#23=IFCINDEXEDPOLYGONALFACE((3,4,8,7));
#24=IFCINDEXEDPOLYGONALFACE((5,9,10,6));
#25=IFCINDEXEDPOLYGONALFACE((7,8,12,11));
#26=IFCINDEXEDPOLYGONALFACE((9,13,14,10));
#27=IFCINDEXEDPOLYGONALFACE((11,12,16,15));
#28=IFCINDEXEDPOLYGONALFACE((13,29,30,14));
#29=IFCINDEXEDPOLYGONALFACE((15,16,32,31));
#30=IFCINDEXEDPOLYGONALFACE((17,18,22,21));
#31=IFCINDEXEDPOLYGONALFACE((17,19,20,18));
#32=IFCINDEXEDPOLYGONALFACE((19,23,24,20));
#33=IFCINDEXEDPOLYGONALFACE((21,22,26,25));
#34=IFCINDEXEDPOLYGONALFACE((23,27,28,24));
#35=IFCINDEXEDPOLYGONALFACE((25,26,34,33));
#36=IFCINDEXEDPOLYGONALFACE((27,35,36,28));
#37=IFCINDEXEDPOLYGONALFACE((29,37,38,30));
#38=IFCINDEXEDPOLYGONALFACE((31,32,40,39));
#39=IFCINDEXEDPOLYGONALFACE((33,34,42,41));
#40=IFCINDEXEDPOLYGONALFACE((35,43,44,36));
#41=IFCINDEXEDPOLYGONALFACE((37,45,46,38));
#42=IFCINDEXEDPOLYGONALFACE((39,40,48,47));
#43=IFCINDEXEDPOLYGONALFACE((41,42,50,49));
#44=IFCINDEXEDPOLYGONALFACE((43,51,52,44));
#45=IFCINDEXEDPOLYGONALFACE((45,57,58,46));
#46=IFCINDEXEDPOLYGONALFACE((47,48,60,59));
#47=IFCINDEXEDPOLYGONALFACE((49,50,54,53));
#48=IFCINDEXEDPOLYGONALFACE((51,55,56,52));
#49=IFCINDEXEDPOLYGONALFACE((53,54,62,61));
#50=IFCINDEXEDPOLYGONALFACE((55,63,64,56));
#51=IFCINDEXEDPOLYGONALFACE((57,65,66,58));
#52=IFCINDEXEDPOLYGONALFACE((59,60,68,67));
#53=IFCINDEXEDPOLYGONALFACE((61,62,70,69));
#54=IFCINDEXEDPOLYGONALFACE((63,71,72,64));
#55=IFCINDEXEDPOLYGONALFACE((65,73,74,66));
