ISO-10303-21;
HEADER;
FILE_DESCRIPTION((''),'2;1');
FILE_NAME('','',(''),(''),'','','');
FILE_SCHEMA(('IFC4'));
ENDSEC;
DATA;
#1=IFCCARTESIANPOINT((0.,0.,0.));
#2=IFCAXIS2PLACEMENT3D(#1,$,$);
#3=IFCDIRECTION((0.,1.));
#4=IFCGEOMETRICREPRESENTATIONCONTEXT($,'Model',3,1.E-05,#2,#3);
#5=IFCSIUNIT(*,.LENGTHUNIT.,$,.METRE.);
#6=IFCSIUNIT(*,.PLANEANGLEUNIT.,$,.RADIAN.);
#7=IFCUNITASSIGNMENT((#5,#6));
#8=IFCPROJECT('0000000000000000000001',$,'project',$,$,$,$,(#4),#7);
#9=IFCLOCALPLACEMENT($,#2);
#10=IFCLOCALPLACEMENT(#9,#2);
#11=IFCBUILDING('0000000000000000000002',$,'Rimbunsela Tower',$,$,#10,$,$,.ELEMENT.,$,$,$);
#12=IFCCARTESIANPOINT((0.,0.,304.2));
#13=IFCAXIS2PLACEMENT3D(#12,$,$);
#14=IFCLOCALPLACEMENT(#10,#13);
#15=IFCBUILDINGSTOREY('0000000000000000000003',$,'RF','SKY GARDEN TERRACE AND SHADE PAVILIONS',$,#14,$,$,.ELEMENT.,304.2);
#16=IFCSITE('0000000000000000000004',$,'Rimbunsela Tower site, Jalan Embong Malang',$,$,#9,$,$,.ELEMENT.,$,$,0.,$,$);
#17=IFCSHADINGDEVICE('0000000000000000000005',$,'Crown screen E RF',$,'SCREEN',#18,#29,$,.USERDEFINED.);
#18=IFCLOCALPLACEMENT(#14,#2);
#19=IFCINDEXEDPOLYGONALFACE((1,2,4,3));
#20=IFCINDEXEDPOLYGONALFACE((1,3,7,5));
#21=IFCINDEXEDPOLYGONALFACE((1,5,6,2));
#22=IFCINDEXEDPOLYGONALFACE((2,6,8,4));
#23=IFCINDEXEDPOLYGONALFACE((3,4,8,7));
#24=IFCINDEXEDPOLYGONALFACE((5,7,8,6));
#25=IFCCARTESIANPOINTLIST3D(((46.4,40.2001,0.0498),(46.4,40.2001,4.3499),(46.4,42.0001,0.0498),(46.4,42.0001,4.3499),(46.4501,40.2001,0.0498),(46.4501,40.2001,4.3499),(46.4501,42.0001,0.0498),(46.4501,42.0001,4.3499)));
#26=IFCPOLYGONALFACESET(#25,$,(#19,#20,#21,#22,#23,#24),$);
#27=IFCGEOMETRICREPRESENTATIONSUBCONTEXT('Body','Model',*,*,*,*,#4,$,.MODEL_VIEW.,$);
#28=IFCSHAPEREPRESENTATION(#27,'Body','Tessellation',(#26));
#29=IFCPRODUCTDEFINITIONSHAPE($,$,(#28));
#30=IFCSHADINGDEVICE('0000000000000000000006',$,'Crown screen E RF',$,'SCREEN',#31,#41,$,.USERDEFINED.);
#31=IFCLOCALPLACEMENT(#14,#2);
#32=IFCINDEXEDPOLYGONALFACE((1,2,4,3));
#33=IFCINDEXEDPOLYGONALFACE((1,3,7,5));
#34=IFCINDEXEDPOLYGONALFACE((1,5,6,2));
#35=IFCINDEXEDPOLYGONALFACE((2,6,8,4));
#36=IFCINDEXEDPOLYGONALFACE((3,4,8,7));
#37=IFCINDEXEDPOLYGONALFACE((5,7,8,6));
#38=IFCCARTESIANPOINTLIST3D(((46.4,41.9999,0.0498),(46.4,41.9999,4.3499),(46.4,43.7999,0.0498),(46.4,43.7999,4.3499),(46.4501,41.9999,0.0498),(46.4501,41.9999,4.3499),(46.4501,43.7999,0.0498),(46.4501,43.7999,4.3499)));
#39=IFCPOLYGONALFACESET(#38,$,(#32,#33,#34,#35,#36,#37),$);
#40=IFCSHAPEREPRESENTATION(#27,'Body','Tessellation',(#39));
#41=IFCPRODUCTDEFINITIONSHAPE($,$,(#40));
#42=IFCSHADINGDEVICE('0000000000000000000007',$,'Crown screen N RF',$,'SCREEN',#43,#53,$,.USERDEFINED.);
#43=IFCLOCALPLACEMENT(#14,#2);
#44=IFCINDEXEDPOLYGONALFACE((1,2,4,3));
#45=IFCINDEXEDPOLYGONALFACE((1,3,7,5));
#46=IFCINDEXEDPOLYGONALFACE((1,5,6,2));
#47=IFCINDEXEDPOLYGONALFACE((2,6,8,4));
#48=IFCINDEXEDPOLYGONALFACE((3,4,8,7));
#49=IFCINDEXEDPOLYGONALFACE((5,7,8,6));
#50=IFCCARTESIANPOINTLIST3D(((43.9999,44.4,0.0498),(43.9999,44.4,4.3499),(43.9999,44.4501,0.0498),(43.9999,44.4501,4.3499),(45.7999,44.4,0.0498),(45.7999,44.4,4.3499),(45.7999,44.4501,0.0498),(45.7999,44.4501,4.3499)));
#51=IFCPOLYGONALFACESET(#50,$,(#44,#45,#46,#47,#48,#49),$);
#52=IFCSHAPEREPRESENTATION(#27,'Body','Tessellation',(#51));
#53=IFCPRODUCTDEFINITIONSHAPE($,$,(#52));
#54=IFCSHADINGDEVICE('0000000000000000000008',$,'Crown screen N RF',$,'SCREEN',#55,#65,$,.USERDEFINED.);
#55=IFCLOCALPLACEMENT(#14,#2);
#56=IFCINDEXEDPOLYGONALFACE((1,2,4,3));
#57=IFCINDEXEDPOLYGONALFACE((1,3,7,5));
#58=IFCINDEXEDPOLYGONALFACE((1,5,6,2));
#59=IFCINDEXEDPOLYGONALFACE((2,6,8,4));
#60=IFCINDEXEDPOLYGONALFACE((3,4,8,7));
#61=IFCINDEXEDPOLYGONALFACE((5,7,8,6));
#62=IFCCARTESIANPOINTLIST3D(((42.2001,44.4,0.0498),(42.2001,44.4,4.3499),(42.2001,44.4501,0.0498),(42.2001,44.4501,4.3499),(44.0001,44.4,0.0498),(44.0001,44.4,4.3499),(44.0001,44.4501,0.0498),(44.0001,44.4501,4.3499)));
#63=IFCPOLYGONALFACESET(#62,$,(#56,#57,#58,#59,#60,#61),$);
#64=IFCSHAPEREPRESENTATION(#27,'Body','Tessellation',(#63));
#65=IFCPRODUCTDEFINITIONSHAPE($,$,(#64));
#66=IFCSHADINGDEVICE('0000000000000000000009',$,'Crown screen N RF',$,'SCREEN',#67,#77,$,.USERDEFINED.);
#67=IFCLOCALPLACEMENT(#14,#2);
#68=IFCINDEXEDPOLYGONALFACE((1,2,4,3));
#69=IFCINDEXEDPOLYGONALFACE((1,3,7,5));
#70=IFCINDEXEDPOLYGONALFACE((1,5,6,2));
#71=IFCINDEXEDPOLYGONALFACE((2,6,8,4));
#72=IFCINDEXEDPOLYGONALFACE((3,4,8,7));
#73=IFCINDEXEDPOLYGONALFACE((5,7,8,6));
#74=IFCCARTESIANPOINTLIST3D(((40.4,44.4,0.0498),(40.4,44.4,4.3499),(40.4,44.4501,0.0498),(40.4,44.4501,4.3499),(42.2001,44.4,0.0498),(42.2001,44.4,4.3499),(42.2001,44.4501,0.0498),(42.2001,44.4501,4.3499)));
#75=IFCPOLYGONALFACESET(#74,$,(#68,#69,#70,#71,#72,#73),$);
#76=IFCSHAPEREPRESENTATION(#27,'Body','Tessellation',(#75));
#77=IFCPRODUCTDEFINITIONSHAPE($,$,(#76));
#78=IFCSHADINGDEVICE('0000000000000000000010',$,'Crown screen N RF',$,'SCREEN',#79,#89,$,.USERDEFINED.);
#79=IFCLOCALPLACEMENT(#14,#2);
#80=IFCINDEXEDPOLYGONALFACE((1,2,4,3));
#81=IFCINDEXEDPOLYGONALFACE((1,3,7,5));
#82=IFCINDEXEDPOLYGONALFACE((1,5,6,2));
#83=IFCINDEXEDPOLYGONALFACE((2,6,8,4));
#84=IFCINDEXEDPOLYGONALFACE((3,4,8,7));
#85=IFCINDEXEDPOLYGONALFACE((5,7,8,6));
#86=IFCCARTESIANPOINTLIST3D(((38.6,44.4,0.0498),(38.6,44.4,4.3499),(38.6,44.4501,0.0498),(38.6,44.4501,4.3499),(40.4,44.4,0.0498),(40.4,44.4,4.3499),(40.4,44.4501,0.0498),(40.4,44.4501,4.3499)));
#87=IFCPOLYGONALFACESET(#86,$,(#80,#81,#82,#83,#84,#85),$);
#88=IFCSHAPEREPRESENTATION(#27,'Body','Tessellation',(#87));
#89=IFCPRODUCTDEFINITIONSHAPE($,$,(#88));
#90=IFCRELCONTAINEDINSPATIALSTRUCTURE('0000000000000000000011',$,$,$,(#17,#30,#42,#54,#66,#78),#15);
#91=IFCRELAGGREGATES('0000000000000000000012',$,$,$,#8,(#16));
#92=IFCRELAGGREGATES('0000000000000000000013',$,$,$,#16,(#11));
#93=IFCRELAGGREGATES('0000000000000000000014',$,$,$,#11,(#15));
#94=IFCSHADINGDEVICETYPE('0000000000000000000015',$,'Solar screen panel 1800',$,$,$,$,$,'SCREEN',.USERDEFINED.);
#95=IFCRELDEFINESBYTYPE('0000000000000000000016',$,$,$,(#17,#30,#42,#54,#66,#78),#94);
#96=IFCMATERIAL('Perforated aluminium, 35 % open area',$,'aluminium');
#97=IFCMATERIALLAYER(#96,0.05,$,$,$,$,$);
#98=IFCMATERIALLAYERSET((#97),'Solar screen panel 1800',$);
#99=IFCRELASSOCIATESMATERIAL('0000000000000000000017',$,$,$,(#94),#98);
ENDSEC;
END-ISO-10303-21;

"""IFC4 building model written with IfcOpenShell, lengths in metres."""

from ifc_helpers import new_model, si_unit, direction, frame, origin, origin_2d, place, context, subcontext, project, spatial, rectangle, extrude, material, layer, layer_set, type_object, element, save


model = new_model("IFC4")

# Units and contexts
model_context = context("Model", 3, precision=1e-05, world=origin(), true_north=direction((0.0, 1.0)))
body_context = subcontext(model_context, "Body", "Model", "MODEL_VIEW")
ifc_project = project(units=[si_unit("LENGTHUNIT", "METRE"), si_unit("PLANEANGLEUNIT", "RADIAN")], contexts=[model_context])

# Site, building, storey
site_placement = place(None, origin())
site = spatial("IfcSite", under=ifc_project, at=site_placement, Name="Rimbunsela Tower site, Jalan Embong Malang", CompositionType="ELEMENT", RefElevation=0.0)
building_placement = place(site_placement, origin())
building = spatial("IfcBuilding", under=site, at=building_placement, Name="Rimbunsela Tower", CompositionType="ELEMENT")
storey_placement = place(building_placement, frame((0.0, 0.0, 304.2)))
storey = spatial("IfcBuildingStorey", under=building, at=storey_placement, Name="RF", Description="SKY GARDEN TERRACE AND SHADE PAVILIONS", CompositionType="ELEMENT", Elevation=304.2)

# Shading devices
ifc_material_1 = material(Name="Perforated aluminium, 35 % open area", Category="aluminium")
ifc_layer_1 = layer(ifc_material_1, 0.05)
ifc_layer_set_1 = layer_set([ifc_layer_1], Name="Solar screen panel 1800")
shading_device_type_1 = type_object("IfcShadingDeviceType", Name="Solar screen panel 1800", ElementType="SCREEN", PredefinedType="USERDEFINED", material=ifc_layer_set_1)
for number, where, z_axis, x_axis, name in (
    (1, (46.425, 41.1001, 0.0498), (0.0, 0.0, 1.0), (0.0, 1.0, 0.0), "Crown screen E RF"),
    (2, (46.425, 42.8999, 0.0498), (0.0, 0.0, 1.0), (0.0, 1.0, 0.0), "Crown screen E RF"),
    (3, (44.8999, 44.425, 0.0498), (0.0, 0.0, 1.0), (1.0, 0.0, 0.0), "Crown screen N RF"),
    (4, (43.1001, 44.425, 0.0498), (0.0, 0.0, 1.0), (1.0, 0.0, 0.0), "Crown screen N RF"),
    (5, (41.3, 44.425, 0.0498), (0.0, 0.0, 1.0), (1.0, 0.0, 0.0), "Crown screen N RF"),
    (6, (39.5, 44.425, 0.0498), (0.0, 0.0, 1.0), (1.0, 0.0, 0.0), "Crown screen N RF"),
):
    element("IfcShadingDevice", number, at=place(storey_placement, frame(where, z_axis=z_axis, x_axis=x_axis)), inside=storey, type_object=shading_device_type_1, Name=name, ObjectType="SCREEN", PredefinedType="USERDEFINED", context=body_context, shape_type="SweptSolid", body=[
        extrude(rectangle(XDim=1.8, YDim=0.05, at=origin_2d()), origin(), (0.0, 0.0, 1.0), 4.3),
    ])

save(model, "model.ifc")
┄┄┄┄┄┄
# TASK PROMPT:
From the records above, extract exactly and only the lines that begin at the line with "#46=IFCINDEXEDPOLYGONALFACE((1,5,6,2));" and stop after the line with "#61=IFCINDEXEDPOLYGONALFACE((5,7,8,6));".

# FINISHED EXERCISE:
#46=IFCINDEXEDPOLYGONALFACE((1,5,6,2));
#47=IFCINDEXEDPOLYGONALFACE((2,6,8,4));
#48=IFCINDEXEDPOLYGONALFACE((3,4,8,7));
#49=IFCINDEXEDPOLYGONALFACE((5,7,8,6));
#50=IFCCARTESIANPOINTLIST3D(((43.9999,44.4,0.0498),(43.9999,44.4,4.3499),(43.9999,44.4501,0.0498),(43.9999,44.4501,4.3499),(45.7999,44.4,0.0498),(45.7999,44.4,4.3499),(45.7999,44.4501,0.0498),(45.7999,44.4501,4.3499)));
#51=IFCPOLYGONALFACESET(#50,$,(#44,#45,#46,#47,#48,#49),$);
#52=IFCSHAPEREPRESENTATION(#27,'Body','Tessellation',(#51));
#53=IFCPRODUCTDEFINITIONSHAPE($,$,(#52));
#54=IFCSHADINGDEVICE('0000000000000000000008',$,'Crown screen N RF',$,'SCREEN',#55,#65,$,.USERDEFINED.);
#55=IFCLOCALPLACEMENT(#14,#2);
#56=IFCINDEXEDPOLYGONALFACE((1,2,4,3));
#57=IFCINDEXEDPOLYGONALFACE((1,3,7,5));
#58=IFCINDEXEDPOLYGONALFACE((1,5,6,2));
#59=IFCINDEXEDPOLYGONALFACE((2,6,8,4));
#60=IFCINDEXEDPOLYGONALFACE((3,4,8,7));
#61=IFCINDEXEDPOLYGONALFACE((5,7,8,6));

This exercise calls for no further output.